- [Activity]: Restate verbatim the span of lines below between the line with "#3=IFCDIRECTION((0.,1.));" and the line with "#7=IFCUNITASSIGNMENT((#5,#6));", including those two lines, and only that span.

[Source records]
-*-*-

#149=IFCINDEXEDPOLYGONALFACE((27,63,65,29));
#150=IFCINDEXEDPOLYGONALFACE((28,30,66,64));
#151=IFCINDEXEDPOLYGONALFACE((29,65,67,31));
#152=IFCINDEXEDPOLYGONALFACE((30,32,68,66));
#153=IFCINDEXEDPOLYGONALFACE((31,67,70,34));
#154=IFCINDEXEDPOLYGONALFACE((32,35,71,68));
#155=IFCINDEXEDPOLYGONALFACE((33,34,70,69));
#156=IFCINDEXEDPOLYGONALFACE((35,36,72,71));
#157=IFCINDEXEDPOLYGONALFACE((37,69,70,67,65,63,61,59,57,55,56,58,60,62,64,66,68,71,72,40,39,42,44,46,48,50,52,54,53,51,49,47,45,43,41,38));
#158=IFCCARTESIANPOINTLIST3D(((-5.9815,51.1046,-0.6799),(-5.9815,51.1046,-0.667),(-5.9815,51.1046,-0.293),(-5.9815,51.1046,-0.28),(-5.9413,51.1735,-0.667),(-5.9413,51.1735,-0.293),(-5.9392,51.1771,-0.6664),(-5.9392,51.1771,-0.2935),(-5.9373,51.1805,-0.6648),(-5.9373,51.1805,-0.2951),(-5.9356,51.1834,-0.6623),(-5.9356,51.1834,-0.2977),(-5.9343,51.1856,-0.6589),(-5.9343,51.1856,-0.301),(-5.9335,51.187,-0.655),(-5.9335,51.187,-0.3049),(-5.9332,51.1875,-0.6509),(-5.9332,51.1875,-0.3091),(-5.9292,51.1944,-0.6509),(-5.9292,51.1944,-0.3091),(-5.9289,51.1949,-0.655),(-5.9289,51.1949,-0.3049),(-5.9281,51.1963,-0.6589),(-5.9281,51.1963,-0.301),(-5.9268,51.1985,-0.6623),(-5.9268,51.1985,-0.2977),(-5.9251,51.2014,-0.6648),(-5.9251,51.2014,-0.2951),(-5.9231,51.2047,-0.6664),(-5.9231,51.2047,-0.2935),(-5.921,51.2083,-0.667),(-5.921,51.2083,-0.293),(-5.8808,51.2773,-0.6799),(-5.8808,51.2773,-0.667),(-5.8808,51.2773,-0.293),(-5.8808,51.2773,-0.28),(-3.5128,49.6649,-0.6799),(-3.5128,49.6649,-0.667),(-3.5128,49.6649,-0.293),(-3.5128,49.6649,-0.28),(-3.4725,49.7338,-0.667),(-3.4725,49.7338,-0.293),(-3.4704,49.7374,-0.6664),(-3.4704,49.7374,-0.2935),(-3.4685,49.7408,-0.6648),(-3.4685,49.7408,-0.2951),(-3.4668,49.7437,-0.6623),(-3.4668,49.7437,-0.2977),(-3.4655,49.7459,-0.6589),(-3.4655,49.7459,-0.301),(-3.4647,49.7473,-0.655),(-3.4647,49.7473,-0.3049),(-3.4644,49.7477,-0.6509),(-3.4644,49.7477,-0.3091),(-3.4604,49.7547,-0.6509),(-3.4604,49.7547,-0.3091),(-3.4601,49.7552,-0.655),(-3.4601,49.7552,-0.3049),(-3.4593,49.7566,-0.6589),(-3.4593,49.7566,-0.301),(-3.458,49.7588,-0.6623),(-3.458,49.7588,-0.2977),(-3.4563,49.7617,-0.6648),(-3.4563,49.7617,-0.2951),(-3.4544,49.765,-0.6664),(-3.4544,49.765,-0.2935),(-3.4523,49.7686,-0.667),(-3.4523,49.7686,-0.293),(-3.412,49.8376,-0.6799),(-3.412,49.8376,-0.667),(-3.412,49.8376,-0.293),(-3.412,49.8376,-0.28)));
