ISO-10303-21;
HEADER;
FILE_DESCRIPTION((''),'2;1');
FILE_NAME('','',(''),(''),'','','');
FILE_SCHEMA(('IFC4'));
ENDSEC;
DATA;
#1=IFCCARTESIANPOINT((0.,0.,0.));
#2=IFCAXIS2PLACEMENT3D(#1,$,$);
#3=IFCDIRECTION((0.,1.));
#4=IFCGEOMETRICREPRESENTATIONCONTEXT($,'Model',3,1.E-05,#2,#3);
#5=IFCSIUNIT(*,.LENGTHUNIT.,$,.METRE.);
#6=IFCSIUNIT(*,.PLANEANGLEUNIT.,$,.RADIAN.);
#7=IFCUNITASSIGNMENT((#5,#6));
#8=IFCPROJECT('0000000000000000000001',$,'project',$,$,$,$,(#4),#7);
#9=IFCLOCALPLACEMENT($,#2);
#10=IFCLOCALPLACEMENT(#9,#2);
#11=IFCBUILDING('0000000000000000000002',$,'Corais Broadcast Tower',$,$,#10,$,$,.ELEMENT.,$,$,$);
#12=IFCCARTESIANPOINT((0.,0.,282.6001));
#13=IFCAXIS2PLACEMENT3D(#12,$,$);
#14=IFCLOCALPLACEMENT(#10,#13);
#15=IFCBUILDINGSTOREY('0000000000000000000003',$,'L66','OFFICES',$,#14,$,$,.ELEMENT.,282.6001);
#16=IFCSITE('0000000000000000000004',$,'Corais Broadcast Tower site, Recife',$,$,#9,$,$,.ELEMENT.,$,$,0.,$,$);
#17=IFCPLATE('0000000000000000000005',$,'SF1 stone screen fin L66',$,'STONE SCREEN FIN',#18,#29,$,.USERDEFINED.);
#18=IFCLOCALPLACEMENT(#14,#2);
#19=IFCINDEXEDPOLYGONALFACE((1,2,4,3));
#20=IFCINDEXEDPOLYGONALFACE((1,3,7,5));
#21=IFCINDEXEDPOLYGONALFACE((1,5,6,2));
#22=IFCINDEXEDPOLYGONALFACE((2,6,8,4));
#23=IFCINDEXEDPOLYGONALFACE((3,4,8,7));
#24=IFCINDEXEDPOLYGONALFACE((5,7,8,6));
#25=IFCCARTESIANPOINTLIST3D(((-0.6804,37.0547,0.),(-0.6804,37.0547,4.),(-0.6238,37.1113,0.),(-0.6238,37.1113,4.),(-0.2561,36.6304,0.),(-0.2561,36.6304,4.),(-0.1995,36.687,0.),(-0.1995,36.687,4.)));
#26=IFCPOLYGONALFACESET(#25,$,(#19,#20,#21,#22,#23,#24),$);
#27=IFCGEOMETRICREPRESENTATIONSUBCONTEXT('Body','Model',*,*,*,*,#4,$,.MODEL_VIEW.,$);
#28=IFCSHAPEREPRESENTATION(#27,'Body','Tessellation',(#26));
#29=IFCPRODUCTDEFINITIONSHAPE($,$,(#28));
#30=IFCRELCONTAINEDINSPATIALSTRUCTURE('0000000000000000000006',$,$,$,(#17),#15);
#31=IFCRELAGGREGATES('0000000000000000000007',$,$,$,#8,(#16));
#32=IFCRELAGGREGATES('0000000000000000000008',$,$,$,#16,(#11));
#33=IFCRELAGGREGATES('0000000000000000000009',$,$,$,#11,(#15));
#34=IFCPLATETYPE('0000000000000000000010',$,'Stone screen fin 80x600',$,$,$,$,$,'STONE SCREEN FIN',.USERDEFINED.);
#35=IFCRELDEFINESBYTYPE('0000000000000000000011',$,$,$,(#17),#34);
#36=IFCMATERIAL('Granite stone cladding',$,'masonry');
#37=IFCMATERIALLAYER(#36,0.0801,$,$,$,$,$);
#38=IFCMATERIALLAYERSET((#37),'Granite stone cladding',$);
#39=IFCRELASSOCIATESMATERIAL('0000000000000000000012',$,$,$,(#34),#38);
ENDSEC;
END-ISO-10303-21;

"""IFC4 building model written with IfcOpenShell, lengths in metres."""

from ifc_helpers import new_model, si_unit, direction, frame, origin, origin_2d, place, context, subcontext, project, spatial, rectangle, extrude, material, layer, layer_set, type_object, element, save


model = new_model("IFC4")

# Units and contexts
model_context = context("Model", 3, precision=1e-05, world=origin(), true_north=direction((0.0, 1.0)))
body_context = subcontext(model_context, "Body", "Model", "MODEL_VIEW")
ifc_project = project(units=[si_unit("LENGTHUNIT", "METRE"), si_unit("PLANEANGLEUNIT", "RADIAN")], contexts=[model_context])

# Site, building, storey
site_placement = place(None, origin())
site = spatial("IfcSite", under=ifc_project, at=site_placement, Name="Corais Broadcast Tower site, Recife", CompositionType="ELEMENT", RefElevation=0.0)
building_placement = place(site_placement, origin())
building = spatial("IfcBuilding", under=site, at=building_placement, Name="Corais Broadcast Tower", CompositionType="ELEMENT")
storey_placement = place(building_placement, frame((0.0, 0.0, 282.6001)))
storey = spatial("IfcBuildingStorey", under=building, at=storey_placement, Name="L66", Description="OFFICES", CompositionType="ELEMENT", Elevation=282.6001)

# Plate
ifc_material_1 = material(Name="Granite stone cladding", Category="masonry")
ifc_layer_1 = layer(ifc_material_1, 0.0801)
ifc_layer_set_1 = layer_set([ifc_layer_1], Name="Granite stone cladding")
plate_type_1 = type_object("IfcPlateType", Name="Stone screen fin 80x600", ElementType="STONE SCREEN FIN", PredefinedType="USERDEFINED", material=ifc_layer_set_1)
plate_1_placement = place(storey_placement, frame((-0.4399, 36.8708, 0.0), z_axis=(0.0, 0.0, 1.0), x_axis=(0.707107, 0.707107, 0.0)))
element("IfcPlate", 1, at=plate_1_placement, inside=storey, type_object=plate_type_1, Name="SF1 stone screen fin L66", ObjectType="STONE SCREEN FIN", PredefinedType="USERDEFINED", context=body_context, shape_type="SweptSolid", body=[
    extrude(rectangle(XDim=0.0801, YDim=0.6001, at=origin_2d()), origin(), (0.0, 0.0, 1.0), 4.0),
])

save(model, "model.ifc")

-*-*-

- [Output for this task]:
#3=IFCDIRECTION((0.,1.));
#4=IFCGEOMETRICREPRESENTATIONCONTEXT($,'Model',3,1.E-05,#2,#3);
#5=IFCSIUNIT(*,.LENGTHUNIT.,$,.METRE.);
#6=IFCSIUNIT(*,.PLANEANGLEUNIT.,$,.RADIAN.);
#7=IFCUNITASSIGNMENT((#5,#6));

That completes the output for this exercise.